(Saved entries)
____________________

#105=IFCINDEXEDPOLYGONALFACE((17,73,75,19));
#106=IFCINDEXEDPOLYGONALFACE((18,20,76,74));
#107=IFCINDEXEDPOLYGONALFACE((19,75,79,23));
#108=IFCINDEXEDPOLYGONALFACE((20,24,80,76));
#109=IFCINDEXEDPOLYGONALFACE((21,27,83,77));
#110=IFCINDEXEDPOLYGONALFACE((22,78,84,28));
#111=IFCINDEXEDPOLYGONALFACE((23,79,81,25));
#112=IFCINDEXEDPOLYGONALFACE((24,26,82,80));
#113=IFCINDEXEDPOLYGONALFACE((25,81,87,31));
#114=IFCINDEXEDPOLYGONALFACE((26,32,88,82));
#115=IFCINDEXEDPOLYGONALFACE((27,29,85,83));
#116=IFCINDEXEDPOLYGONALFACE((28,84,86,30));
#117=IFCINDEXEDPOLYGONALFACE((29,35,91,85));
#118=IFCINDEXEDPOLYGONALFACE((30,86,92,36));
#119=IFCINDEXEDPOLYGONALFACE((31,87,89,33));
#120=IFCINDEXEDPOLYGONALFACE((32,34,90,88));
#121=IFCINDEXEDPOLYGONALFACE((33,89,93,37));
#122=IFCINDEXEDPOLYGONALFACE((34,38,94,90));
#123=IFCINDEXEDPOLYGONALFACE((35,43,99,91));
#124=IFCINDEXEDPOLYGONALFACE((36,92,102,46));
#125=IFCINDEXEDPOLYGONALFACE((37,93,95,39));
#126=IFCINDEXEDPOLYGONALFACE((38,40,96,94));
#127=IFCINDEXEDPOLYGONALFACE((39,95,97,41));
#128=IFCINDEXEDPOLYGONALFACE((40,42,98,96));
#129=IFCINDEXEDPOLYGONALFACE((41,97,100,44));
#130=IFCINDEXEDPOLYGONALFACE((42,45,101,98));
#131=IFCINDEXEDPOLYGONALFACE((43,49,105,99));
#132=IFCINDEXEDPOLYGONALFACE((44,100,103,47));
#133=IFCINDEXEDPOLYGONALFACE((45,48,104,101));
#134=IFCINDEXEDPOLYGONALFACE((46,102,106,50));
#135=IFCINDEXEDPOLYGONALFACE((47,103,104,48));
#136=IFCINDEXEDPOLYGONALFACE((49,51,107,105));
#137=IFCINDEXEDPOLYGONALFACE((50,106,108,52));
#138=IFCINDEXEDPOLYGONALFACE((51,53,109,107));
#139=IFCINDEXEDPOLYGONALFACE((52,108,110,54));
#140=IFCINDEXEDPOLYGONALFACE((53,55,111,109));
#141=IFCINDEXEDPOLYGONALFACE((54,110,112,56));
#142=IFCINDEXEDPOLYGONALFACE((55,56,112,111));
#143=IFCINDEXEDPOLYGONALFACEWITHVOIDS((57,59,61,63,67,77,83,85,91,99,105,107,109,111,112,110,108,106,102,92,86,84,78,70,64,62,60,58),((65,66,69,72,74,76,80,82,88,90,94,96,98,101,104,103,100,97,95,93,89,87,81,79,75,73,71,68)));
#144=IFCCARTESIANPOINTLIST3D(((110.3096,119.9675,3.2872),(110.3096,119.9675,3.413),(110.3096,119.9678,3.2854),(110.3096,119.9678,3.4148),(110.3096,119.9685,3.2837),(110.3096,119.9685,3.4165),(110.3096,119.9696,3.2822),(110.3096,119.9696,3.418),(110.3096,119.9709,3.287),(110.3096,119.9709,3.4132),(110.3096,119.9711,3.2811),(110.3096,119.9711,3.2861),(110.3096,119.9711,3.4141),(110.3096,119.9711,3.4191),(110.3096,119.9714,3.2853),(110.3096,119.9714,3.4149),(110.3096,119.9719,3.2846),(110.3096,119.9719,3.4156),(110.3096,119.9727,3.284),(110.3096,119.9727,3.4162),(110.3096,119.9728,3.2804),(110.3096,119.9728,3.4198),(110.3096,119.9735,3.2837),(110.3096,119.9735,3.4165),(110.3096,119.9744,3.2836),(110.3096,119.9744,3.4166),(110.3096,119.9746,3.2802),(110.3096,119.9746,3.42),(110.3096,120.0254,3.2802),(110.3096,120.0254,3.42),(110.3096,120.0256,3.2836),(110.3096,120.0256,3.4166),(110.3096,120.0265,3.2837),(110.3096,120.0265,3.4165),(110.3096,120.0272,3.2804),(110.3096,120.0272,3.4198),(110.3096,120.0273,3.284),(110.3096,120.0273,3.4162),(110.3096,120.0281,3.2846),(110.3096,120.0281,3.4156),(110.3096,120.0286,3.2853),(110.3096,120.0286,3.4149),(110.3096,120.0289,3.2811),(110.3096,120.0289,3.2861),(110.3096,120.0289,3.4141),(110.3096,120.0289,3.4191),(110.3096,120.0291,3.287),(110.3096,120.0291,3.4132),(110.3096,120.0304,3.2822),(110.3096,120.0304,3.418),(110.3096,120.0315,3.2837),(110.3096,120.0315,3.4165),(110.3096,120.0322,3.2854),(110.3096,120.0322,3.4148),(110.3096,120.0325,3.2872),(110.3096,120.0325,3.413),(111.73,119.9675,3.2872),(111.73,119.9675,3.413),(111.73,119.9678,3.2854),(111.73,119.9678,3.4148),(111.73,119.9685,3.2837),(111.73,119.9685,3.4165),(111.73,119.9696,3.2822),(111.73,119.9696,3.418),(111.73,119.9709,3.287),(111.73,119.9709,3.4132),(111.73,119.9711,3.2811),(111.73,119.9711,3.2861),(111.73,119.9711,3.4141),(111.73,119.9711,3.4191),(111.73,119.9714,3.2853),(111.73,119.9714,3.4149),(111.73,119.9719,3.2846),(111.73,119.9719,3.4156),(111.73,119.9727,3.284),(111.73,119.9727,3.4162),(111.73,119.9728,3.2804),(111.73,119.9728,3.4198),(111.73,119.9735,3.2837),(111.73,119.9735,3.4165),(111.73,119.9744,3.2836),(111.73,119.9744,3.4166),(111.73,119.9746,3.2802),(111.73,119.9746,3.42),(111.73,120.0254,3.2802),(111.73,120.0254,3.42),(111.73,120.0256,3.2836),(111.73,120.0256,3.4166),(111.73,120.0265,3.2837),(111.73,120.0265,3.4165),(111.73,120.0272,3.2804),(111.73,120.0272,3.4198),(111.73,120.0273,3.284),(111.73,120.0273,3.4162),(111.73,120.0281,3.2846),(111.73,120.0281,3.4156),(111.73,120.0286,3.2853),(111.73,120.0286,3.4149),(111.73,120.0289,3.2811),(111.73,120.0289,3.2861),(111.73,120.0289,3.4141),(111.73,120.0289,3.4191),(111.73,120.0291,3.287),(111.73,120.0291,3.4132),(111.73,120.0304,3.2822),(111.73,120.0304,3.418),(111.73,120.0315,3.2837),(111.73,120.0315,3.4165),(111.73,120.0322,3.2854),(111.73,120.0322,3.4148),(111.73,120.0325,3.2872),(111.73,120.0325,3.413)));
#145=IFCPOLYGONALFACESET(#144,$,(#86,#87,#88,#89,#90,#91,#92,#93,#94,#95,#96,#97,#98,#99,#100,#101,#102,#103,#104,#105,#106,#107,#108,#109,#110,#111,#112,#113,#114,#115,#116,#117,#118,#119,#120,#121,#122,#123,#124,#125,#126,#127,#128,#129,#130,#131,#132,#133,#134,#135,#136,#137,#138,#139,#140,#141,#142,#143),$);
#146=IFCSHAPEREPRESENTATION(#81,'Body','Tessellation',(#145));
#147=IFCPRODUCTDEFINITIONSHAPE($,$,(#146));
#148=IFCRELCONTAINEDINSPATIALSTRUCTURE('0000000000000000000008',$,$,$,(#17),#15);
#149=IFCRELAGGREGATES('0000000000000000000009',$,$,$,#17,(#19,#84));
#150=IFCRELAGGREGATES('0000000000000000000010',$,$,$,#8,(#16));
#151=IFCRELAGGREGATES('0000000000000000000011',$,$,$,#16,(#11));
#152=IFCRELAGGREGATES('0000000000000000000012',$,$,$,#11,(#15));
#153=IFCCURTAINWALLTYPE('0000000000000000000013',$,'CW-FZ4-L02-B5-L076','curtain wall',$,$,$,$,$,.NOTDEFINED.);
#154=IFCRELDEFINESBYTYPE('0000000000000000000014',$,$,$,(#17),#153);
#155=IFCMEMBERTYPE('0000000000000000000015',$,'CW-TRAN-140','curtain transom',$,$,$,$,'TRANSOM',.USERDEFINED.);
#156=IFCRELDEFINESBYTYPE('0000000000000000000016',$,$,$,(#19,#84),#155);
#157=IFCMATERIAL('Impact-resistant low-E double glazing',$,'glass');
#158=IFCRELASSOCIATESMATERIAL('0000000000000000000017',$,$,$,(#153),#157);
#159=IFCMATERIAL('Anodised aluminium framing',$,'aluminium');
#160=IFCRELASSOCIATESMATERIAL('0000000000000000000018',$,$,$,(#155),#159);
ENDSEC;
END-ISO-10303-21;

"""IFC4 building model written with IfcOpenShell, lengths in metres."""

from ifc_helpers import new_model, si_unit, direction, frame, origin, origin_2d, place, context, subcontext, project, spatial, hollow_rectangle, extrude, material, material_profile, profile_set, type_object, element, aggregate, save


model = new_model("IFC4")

____________________

**Exercise aim**
Copy out every line of the data in which the word "curtain" is found.

**Answer space**
#153=IFCCURTAINWALLTYPE('0000000000000000000013',$,'CW-FZ4-L02-B5-L076','curtain wall',$,$,$,$,$,.NOTDEFINED.);
#155=IFCMEMBERTYPE('0000000000000000000015',$,'CW-TRAN-140','curtain transom',$,$,$,$,'TRANSOM',.USERDEFINED.);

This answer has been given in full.